INSTRUCTIONS TO FOLLOW:
Copy, word for word, the lines of the entries below between the one with "#41=IFCLOCALPLACEMENT(#12,#2);" and the one with "#54=IFCRELAGGREGATES('0000000000000000000010',$,$,$,#14,(#11));", inclusive, and leave out everything else.

####################

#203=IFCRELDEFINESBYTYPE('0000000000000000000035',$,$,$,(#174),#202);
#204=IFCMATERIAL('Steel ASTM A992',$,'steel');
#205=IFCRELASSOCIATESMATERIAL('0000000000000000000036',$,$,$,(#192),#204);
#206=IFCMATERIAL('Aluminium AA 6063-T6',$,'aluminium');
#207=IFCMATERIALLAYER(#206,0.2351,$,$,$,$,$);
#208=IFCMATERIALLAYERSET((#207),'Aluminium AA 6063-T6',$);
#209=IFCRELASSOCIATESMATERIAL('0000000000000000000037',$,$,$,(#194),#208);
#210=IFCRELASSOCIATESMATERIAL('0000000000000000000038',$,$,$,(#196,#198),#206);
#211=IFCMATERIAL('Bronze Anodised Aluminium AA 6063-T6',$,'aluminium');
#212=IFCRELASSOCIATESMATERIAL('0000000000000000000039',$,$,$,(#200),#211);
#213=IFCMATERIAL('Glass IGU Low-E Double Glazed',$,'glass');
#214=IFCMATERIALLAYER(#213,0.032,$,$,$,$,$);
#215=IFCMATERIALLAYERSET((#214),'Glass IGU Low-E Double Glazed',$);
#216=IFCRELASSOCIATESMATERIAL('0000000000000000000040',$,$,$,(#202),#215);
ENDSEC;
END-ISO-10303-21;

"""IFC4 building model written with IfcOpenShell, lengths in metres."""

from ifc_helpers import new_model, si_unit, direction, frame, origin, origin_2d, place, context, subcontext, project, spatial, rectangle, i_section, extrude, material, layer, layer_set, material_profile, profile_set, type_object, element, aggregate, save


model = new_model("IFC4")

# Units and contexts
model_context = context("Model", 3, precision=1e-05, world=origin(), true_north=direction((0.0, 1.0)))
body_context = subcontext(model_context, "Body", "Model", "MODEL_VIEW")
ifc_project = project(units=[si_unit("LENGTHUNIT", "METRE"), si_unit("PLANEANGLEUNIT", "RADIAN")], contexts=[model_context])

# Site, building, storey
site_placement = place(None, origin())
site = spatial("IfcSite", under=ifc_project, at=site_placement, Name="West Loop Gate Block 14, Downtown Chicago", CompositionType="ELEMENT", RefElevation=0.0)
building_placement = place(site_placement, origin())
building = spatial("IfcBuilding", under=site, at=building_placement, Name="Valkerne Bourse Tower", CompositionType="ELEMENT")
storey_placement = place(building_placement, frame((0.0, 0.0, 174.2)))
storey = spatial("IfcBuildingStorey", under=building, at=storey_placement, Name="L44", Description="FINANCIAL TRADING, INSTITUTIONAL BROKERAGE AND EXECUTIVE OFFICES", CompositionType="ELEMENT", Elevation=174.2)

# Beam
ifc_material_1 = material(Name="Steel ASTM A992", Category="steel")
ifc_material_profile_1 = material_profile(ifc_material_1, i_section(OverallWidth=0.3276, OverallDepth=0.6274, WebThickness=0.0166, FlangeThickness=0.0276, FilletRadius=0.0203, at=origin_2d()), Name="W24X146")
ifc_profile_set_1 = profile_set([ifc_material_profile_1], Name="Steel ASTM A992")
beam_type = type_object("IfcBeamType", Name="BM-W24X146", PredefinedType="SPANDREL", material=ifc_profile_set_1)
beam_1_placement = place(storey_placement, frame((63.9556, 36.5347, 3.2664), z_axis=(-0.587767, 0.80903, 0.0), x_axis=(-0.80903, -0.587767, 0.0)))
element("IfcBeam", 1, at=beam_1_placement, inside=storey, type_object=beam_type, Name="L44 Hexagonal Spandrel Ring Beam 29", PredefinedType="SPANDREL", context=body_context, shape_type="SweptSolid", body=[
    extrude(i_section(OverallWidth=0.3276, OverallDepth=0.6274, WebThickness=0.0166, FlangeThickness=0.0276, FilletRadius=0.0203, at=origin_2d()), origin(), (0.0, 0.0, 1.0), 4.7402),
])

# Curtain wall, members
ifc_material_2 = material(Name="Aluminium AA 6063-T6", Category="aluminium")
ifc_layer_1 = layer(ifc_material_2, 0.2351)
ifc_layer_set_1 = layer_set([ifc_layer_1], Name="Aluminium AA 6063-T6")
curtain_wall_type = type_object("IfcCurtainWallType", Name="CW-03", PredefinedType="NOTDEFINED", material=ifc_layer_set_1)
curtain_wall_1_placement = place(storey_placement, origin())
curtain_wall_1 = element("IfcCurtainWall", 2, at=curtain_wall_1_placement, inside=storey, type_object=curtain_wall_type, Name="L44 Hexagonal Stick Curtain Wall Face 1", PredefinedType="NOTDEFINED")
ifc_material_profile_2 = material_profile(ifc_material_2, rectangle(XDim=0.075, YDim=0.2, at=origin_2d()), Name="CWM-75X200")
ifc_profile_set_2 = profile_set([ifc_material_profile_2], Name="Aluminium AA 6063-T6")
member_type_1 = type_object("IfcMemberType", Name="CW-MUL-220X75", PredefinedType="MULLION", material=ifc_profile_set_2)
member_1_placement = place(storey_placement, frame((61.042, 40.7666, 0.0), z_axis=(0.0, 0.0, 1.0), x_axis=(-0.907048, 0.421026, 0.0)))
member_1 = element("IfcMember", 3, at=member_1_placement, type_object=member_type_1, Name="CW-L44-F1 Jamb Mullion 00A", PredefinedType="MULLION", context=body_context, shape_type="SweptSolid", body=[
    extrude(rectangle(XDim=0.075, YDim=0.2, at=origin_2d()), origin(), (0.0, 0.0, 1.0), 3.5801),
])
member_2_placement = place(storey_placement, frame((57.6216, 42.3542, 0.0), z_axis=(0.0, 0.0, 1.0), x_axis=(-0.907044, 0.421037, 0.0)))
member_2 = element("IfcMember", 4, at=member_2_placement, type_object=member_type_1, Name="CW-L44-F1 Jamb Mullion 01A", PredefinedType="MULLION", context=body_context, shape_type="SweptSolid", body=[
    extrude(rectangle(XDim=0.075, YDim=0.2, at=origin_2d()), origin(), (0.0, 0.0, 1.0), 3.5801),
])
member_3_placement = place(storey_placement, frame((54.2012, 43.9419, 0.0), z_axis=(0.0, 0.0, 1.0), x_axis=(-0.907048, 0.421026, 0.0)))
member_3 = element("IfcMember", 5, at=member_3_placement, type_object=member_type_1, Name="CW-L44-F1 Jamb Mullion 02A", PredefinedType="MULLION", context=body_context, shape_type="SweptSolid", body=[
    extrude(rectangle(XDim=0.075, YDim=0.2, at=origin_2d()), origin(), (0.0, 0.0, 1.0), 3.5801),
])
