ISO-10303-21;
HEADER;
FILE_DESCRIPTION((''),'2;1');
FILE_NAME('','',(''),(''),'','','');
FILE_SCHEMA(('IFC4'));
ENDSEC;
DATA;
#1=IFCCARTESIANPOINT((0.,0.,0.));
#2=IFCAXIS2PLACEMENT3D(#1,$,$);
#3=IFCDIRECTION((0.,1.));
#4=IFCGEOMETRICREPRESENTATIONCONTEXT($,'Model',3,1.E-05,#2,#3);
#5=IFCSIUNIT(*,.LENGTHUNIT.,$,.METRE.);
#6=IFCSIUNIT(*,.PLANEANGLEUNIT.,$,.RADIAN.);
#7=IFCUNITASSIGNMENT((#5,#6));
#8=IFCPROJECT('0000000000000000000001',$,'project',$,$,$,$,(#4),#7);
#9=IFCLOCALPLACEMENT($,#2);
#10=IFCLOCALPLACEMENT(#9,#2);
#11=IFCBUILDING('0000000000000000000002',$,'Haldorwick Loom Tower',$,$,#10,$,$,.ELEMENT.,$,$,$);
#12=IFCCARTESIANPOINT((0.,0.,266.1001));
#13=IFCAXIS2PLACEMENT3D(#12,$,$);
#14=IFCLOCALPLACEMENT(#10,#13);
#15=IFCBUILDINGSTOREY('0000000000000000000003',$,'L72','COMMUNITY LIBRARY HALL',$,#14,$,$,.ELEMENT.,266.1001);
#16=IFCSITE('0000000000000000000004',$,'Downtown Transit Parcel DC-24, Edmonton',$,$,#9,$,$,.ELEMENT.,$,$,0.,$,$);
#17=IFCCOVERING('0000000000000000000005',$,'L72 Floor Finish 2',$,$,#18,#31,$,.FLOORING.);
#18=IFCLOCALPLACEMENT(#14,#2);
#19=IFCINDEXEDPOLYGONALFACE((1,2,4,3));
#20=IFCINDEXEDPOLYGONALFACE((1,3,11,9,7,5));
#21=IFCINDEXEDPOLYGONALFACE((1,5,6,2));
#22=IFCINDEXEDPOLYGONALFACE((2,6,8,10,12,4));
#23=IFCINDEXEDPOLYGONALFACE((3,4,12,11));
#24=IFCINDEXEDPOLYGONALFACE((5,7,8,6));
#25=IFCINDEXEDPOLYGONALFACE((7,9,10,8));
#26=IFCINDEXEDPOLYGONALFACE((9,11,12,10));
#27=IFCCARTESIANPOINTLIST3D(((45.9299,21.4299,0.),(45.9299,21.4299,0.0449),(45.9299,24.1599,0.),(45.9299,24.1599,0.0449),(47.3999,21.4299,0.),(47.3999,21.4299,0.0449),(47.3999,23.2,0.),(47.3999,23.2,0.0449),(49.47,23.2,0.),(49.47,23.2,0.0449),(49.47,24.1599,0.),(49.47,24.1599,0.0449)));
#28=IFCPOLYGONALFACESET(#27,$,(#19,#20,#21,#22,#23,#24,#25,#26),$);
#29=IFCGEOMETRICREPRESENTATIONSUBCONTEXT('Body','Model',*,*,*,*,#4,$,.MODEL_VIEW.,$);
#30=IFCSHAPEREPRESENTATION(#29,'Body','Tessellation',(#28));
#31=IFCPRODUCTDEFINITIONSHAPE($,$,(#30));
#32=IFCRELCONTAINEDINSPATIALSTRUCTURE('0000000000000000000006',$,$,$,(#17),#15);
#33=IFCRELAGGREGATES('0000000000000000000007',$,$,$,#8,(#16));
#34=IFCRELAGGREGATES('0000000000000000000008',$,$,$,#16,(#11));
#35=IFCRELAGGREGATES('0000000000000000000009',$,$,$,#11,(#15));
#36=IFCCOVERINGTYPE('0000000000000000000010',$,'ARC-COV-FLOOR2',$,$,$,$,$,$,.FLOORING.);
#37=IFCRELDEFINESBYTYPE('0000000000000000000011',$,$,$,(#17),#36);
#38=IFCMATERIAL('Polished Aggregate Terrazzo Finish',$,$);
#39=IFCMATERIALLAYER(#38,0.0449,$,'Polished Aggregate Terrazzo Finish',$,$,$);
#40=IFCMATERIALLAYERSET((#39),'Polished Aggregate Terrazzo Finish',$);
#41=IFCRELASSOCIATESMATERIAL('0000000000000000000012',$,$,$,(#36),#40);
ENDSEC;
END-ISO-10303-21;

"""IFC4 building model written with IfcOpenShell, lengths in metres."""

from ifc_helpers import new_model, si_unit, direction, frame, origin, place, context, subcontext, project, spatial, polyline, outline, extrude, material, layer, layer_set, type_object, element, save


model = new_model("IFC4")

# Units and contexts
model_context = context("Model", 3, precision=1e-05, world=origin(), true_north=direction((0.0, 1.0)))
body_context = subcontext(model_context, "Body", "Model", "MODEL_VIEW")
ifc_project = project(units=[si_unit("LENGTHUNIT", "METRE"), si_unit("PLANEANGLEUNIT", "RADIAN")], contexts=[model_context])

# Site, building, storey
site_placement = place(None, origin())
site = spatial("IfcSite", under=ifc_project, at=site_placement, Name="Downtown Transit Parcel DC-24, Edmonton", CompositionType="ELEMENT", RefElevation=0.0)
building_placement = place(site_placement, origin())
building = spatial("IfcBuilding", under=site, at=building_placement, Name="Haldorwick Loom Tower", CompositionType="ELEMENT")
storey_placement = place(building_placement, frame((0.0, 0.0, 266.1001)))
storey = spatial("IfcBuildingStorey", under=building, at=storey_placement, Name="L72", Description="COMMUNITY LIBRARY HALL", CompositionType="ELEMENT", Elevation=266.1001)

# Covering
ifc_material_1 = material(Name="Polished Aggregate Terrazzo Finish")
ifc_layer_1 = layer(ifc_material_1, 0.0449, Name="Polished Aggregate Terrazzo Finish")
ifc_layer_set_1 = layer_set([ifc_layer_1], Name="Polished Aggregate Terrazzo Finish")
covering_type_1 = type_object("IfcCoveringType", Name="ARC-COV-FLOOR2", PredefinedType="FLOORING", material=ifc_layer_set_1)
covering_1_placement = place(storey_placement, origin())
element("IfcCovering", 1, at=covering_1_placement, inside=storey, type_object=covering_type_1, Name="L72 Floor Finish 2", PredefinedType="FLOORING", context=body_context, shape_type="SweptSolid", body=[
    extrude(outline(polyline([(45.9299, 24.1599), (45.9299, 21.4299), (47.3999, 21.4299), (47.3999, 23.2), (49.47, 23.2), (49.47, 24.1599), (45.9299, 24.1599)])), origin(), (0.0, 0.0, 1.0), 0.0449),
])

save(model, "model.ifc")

####################

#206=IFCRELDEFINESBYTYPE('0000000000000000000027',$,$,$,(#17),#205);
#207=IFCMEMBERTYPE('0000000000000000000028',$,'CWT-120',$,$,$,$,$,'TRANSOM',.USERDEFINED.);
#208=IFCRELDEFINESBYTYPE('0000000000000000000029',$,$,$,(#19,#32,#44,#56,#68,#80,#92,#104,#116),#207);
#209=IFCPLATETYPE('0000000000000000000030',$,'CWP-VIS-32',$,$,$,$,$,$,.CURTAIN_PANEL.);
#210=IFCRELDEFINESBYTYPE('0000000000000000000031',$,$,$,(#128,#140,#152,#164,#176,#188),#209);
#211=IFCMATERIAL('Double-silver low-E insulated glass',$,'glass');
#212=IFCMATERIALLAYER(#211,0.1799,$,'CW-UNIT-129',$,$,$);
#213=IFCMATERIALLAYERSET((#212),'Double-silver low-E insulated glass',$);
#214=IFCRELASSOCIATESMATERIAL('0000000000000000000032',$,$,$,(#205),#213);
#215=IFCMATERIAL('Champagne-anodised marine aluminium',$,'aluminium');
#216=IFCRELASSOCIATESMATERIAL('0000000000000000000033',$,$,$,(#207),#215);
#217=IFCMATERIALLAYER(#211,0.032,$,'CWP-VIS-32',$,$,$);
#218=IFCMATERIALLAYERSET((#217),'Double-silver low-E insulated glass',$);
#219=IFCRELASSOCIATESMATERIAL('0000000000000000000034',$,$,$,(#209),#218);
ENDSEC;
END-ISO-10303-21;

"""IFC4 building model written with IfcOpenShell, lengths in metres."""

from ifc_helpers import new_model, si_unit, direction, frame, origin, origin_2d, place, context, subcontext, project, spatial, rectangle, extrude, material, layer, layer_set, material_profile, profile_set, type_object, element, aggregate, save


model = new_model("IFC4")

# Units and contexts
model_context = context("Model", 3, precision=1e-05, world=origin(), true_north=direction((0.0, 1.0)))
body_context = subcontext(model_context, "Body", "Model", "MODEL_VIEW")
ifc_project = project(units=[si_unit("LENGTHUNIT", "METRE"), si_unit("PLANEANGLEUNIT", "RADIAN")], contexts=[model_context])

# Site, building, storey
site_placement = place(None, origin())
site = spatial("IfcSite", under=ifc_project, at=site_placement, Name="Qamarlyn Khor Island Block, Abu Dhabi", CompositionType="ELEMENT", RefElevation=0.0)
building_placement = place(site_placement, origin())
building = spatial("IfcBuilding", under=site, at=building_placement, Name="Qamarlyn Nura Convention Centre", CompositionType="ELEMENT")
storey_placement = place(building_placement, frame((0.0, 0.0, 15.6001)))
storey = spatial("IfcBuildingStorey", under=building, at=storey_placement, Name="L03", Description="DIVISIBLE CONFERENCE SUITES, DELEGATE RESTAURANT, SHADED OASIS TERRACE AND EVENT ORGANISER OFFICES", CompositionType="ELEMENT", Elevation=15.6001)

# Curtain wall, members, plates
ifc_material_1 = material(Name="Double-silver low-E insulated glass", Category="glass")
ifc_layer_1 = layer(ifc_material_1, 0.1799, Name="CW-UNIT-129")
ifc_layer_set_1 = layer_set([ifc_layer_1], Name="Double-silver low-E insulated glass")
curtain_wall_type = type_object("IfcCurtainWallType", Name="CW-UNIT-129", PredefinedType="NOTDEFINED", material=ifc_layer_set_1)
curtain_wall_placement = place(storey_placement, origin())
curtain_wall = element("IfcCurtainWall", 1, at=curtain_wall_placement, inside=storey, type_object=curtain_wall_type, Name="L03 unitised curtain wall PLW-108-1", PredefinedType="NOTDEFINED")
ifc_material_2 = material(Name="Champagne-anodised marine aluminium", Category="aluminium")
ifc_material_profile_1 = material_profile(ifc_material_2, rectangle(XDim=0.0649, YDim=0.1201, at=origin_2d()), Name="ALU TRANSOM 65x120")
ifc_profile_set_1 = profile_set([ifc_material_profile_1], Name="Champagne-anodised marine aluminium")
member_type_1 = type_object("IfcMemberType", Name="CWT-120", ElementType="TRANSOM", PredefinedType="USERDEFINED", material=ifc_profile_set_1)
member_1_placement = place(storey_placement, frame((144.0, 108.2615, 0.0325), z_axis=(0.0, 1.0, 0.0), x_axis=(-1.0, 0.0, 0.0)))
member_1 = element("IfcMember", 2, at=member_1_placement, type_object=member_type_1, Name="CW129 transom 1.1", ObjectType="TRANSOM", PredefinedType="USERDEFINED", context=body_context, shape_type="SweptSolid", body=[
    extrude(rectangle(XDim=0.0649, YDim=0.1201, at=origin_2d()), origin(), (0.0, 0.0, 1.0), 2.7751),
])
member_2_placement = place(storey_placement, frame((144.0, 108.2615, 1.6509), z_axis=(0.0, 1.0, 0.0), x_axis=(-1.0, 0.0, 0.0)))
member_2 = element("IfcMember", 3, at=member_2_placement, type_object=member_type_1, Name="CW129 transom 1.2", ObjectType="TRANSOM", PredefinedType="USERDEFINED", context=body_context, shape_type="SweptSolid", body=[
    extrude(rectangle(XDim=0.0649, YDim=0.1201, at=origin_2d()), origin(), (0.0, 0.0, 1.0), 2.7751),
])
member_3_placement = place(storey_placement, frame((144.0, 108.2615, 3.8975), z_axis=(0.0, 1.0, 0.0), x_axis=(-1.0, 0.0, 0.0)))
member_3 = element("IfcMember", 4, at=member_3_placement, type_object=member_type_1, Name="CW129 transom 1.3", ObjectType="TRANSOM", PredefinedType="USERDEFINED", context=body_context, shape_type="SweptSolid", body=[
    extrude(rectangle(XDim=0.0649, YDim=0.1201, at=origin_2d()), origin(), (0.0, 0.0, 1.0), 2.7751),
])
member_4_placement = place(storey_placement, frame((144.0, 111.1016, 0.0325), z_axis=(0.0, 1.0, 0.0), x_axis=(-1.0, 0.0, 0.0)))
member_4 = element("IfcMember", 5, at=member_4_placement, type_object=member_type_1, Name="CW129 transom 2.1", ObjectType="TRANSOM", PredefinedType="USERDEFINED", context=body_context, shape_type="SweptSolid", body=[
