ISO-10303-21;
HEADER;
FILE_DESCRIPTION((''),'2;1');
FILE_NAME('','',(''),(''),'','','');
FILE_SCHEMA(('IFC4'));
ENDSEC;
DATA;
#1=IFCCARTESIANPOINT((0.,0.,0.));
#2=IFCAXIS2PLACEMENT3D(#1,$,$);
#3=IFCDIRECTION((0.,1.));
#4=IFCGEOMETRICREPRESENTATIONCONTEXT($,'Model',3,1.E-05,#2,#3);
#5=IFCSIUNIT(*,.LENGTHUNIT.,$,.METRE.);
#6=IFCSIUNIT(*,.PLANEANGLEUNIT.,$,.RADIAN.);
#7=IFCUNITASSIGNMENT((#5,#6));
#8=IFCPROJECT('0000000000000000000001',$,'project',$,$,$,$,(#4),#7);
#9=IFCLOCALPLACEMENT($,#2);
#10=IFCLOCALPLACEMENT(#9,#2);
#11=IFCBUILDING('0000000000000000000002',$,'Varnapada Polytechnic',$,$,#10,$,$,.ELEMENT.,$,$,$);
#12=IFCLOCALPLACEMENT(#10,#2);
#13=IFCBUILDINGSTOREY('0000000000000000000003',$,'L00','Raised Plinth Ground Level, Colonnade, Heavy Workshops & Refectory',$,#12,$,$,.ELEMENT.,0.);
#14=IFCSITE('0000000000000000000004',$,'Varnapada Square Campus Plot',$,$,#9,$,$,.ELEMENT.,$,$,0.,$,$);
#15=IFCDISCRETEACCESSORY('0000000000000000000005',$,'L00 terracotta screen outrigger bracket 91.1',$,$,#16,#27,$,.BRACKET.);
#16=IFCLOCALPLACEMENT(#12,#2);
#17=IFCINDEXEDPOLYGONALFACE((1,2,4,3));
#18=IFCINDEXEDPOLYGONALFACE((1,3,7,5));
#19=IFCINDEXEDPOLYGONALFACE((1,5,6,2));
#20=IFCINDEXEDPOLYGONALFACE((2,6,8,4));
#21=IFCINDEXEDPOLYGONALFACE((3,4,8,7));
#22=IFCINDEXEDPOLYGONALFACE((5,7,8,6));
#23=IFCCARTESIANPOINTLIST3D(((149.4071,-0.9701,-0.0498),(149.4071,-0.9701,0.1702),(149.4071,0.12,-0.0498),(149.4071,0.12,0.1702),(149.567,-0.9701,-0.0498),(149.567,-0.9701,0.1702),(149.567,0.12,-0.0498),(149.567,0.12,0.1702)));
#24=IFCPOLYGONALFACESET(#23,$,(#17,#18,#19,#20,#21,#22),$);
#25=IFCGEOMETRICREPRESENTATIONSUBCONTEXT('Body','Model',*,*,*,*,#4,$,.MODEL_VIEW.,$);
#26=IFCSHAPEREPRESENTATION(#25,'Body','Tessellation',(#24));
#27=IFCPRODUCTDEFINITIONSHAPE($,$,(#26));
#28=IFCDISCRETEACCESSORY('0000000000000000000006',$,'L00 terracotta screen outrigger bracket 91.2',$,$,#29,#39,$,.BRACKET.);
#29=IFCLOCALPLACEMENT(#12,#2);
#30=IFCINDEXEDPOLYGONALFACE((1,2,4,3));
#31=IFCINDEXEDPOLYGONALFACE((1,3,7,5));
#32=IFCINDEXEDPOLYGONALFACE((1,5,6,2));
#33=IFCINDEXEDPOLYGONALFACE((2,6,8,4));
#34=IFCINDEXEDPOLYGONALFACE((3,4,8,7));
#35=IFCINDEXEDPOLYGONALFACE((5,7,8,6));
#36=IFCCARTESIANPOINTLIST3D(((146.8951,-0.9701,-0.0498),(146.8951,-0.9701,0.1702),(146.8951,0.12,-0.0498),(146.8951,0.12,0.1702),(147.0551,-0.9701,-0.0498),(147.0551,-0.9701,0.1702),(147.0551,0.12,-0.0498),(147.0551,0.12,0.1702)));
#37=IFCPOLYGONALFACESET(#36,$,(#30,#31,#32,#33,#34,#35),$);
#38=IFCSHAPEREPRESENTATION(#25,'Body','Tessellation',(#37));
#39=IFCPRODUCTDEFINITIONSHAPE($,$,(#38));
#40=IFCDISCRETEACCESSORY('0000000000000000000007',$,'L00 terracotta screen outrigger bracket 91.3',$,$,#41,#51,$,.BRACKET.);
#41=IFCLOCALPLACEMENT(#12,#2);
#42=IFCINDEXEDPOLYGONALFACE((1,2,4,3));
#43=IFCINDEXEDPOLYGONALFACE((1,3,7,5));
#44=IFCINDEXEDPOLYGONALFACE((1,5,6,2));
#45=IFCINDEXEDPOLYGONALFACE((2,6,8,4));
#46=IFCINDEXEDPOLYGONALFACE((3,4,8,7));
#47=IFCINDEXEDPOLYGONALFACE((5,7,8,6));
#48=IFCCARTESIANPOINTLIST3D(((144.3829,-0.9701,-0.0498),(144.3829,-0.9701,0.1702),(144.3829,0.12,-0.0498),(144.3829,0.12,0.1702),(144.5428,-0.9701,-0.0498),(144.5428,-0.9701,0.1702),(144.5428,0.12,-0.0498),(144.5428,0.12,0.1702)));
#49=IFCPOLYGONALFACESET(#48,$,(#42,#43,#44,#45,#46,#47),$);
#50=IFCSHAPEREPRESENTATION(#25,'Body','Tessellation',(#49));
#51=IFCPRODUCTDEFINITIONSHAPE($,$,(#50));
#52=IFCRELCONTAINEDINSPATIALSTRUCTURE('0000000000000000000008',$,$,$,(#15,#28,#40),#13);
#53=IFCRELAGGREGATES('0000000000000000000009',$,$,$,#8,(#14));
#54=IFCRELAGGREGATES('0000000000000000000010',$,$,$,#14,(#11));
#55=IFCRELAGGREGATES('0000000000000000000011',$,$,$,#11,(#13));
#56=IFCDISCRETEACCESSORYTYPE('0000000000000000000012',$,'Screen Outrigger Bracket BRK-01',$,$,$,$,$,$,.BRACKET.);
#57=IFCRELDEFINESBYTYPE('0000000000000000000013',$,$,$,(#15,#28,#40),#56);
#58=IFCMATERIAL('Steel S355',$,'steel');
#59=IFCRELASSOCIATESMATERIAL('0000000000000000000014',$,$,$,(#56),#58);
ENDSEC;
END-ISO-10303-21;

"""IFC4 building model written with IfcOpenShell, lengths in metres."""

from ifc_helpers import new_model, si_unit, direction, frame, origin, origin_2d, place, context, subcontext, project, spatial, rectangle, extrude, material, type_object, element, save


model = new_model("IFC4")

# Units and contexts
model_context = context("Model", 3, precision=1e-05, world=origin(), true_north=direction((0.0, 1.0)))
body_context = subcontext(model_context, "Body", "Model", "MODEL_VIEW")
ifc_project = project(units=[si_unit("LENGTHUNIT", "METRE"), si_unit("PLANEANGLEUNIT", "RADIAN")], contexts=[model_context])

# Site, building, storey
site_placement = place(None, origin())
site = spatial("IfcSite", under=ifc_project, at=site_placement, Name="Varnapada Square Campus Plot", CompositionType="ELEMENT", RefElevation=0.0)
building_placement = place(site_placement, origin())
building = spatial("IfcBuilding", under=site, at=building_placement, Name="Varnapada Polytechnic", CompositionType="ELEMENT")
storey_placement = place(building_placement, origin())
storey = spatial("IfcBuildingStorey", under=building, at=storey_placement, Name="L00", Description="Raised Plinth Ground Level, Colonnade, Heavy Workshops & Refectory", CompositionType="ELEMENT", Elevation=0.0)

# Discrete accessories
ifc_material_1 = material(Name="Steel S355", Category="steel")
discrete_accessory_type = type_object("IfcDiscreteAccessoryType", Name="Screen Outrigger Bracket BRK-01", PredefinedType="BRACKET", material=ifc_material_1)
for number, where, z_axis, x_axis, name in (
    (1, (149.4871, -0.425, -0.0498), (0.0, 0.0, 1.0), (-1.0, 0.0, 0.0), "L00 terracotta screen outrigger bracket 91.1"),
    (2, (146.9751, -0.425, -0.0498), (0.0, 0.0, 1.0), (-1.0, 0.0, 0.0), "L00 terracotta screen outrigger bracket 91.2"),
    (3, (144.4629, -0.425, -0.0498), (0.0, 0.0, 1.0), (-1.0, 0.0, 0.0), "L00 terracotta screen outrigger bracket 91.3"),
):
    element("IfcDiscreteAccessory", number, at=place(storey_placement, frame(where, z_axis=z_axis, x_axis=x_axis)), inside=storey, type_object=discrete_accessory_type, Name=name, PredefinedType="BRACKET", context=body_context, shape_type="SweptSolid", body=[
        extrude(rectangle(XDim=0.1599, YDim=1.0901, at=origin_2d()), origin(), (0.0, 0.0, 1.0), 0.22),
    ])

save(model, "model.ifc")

####################

RESULT OF THE TASK:
#41=IFCLOCALPLACEMENT(#12,#2);
#42=IFCINDEXEDPOLYGONALFACE((1,2,4,3));
#43=IFCINDEXEDPOLYGONALFACE((1,3,7,5));
#44=IFCINDEXEDPOLYGONALFACE((1,5,6,2));
#45=IFCINDEXEDPOLYGONALFACE((2,6,8,4));
#46=IFCINDEXEDPOLYGONALFACE((3,4,8,7));
#47=IFCINDEXEDPOLYGONALFACE((5,7,8,6));
#48=IFCCARTESIANPOINTLIST3D(((144.3829,-0.9701,-0.0498),(144.3829,-0.9701,0.1702),(144.3829,0.12,-0.0498),(144.3829,0.12,0.1702),(144.5428,-0.9701,-0.0498),(144.5428,-0.9701,0.1702),(144.5428,0.12,-0.0498),(144.5428,0.12,0.1702)));
#49=IFCPOLYGONALFACESET(#48,$,(#42,#43,#44,#45,#46,#47),$);
#50=IFCSHAPEREPRESENTATION(#25,'Body','Tessellation',(#49));
#51=IFCPRODUCTDEFINITIONSHAPE($,$,(#50));
#52=IFCRELCONTAINEDINSPATIALSTRUCTURE('0000000000000000000008',$,$,$,(#15,#28,#40),#13);
#53=IFCRELAGGREGATES('0000000000000000000009',$,$,$,#8,(#14));
#54=IFCRELAGGREGATES('0000000000000000000010',$,$,$,#14,(#11));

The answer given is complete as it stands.